#### Extracted entries
============
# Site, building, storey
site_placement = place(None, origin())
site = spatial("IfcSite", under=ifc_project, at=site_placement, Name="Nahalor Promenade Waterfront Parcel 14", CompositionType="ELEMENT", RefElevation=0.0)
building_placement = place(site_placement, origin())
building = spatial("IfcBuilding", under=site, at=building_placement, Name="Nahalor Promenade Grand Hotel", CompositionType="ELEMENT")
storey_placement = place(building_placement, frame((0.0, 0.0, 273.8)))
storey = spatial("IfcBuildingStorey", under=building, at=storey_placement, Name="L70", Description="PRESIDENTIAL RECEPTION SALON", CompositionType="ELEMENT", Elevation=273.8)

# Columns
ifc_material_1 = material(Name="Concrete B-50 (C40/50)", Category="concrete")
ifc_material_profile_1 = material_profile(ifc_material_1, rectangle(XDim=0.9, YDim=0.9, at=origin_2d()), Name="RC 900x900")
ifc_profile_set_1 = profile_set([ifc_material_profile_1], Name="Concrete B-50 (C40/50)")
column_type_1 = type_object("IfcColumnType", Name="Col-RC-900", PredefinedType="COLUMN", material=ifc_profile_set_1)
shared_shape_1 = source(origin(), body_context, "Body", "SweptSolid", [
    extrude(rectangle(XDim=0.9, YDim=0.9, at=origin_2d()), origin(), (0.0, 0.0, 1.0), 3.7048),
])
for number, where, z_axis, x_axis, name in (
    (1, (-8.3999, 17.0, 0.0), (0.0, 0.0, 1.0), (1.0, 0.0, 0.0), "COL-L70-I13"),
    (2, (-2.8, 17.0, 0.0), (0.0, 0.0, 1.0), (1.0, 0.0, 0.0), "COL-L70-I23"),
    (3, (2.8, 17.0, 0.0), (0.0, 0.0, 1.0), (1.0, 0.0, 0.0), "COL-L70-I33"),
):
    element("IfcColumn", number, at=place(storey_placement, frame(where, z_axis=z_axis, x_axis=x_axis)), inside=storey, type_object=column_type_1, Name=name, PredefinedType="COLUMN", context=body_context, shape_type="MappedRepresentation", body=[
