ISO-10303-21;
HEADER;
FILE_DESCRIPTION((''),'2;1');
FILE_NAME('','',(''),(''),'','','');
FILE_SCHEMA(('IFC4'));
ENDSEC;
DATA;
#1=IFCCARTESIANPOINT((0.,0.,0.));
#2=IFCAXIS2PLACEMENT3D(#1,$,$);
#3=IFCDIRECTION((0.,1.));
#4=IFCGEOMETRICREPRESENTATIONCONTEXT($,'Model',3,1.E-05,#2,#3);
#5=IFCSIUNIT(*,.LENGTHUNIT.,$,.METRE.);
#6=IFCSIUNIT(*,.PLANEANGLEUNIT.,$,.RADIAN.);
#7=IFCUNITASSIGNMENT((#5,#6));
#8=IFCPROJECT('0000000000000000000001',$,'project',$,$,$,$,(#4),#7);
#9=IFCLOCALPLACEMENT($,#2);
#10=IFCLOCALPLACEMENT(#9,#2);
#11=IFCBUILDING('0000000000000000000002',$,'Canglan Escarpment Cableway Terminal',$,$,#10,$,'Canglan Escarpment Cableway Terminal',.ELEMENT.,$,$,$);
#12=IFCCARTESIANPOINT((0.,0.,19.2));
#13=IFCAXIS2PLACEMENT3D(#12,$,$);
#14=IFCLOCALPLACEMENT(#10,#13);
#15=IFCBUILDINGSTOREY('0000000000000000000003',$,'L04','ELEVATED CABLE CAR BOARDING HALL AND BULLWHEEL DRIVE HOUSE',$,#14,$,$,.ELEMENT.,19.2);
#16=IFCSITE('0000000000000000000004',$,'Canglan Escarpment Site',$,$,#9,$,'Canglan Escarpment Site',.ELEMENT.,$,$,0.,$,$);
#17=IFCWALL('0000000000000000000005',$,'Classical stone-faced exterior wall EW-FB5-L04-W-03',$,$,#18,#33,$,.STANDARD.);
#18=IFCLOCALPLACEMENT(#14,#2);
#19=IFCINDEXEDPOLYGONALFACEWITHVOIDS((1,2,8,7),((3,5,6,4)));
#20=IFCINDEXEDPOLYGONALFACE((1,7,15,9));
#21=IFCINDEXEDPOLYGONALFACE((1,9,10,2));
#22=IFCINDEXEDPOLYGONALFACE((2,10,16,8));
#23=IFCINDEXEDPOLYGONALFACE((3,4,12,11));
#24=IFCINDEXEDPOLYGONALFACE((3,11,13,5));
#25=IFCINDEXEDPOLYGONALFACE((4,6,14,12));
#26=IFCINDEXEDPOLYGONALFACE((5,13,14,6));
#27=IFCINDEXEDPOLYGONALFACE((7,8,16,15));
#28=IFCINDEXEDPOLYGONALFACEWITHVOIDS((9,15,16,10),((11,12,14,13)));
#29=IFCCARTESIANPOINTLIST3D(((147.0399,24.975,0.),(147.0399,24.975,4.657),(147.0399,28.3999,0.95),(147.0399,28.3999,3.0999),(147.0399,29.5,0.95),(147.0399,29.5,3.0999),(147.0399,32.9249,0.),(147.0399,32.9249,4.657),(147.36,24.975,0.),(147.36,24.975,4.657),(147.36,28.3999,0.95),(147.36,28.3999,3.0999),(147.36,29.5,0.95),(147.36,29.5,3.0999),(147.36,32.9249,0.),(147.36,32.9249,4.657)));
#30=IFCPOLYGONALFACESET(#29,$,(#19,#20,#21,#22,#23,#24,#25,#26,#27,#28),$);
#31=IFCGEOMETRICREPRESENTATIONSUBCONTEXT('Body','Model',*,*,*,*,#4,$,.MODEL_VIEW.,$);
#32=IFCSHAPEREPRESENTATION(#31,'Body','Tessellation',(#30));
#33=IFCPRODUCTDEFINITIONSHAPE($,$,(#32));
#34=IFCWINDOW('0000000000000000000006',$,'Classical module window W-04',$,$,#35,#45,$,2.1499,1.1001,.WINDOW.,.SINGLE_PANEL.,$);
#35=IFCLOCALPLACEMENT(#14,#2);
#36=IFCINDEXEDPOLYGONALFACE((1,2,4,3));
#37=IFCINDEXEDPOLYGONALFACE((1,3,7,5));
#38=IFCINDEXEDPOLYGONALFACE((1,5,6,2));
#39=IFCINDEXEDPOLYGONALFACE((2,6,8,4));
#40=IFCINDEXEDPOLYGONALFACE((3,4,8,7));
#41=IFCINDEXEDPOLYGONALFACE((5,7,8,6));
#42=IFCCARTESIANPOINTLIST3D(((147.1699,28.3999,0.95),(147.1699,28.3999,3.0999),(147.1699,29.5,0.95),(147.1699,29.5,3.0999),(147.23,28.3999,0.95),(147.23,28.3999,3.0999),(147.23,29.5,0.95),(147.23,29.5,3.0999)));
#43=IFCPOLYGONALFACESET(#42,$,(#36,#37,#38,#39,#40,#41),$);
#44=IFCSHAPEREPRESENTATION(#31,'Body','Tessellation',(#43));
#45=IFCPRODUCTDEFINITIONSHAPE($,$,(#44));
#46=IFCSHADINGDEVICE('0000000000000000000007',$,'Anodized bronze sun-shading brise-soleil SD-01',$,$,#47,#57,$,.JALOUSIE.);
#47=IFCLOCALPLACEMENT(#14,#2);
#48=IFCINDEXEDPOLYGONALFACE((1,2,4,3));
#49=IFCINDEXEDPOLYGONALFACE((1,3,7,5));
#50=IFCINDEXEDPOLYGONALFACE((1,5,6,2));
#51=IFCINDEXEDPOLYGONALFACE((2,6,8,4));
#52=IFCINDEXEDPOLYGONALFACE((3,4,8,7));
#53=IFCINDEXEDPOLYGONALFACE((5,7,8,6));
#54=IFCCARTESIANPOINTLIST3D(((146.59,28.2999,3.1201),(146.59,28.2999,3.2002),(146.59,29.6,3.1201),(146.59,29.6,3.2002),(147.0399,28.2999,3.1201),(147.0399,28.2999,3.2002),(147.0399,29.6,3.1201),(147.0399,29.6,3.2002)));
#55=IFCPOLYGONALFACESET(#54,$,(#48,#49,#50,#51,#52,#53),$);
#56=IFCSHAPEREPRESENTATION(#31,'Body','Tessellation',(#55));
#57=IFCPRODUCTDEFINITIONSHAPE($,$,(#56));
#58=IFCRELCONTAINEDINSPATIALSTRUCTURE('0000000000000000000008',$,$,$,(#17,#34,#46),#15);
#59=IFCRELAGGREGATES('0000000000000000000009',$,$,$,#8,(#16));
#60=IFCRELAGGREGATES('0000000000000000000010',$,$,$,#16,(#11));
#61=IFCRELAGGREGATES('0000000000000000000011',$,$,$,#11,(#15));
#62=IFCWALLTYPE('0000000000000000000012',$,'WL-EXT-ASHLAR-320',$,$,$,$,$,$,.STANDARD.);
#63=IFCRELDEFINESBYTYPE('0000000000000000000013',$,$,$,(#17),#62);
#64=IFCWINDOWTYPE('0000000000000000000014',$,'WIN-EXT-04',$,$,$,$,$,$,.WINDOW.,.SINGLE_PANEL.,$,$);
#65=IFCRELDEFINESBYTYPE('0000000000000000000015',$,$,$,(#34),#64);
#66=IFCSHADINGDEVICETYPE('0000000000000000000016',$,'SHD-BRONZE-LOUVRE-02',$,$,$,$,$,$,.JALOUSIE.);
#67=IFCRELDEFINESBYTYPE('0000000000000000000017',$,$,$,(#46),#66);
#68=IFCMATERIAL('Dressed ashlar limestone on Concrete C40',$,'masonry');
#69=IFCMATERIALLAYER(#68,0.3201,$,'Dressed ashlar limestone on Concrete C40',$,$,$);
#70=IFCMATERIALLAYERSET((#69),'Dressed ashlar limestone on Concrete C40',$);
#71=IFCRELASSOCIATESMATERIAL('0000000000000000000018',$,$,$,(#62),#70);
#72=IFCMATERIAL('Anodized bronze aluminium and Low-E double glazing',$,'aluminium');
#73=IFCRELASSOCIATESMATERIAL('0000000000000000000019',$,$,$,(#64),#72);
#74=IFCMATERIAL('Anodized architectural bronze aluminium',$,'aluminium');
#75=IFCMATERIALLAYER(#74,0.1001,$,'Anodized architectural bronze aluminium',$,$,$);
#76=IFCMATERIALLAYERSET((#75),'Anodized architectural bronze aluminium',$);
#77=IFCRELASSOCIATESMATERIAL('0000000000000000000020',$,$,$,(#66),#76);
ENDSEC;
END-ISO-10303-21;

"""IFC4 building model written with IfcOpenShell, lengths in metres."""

from ifc_helpers import new_model, si_unit, direction, frame, frame_2d, origin, origin_2d, place, context, subcontext, project, spatial, rectangle, extrude, material, layer, layer_set, type_object, element, fill, save


model = new_model("IFC4")

# Units and contexts
model_context = context("Model", 3, precision=1e-05, world=origin(), true_north=direction((0.0, 1.0)))
body_context = subcontext(model_context, "Body", "Model", "MODEL_VIEW")
ifc_project = project(units=[si_unit("LENGTHUNIT", "METRE"), si_unit("PLANEANGLEUNIT", "RADIAN")], contexts=[model_context])

# Site, building, storey
site_placement = place(None, origin())
site = spatial("IfcSite", under=ifc_project, at=site_placement, Name="Canglan Escarpment Site", LongName="Canglan Escarpment Site", CompositionType="ELEMENT", RefElevation=0.0)
building_placement = place(site_placement, origin())
building = spatial("IfcBuilding", under=site, at=building_placement, Name="Canglan Escarpment Cableway Terminal", LongName="Canglan Escarpment Cableway Terminal", CompositionType="ELEMENT")
storey_placement = place(building_placement, frame((0.0, 0.0, 19.2)))
storey = spatial("IfcBuildingStorey", under=building, at=storey_placement, Name="L04", Description="ELEVATED CABLE CAR BOARDING HALL AND BULLWHEEL DRIVE HOUSE", CompositionType="ELEMENT", Elevation=19.2)

# Shared definitions
ifc_material_1 = material(Name="Anodized bronze aluminium and Low-E double glazing", Category="aluminium")

# Wall, opening, window
ifc_material_2 = material(Name="Dressed ashlar limestone on Concrete C40", Category="masonry")
ifc_layer_1 = layer(ifc_material_2, 0.3201, Name="Dressed ashlar limestone on Concrete C40")
ifc_layer_set_1 = layer_set([ifc_layer_1], Name="Dressed ashlar limestone on Concrete C40")
wall_type = type_object("IfcWallType", Name="WL-EXT-ASHLAR-320", PredefinedType="STANDARD", material=ifc_layer_set_1)
wall_placement = place(storey_placement, frame((147.2, 32.925, 0.0), z_axis=(0.0, 0.0, 1.0), x_axis=(0.0, -1.0, 0.0)))
wall = element("IfcWall", 1, at=wall_placement, inside=storey, type_object=wall_type, Name="Classical stone-faced exterior wall EW-FB5-L04-W-03", PredefinedType="STANDARD", context=body_context, shape_type="SweptSolid", body=[
    extrude(rectangle(XDim=7.95, YDim=0.3201, at=frame_2d((3.9751, 0.0))), origin(), (0.0, 0.0, 1.0), 4.657),
])
opening_placement = place(wall_placement, frame((3.425, 0.0, 0.95)))
opening = element("IfcOpeningElement", 2, at=opening_placement, cuts=wall, PredefinedType="OPENING", context=body_context, shape_type="SweptSolid", body=[
    extrude(rectangle(XDim=1.1001, YDim=2.1499, at=frame_2d((0.55, 1.075))), frame((0.0, 0.1699, 0.0), z_axis=(0.0, -1.0, 0.0), x_axis=(1.0, 0.0, 0.0)), (0.0, 0.0, 1.0), 0.3401),
])
window_type = type_object("IfcWindowType", Name="WIN-EXT-04", PartitioningType="SINGLE_PANEL", PredefinedType="WINDOW", material=ifc_material_1)
window_placement = place(opening_placement, origin())
window = element("IfcWindow", 3, at=window_placement, inside=storey, type_object=window_type, Name="Classical module window W-04", OverallHeight=2.1499, OverallWidth=1.1001, PartitioningType="SINGLE_PANEL", PredefinedType="WINDOW", context=body_context, shape_type="SweptSolid", body=[
    extrude(rectangle(XDim=1.1001, YDim=2.1499, at=frame_2d((0.55, 1.075))), frame((0.0, 0.03, 0.0), z_axis=(0.0, -1.0, 0.0), x_axis=(1.0, 0.0, 0.0)), (0.0, 0.0, 1.0), 0.0601),
])
fill(opening, window)

# Shading device
ifc_material_3 = material(Name="Anodized architectural bronze aluminium", Category="aluminium")
ifc_layer_2 = layer(ifc_material_3, 0.1001, Name="Anodized architectural bronze aluminium")
ifc_layer_set_2 = layer_set([ifc_layer_2], Name="Anodized architectural bronze aluminium")
shading_device_type = type_object("IfcShadingDeviceType", Name="SHD-BRONZE-LOUVRE-02", PredefinedType="JALOUSIE", material=ifc_layer_set_2)
shading_device_placement = place(storey_placement, frame((146.8149, 28.95, 3.1201), z_axis=(0.0, 0.0, 1.0), x_axis=(0.0, -1.0, 0.0)))
element("IfcShadingDevice", 4, at=shading_device_placement, inside=storey, type_object=shading_device_type, Name="Anodized bronze sun-shading brise-soleil SD-01", PredefinedType="JALOUSIE", context=body_context, shape_type="SweptSolid", body=[
    extrude(rectangle(XDim=1.3, YDim=0.45, at=origin_2d()), origin(), (0.0, 0.0, 1.0), 0.0801),
])

save(model, "model.ifc")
============
#### Your goal
A count is needed of the lines in the entries that contain "Nahalor". Supply only that number.

#### Exercise solution
2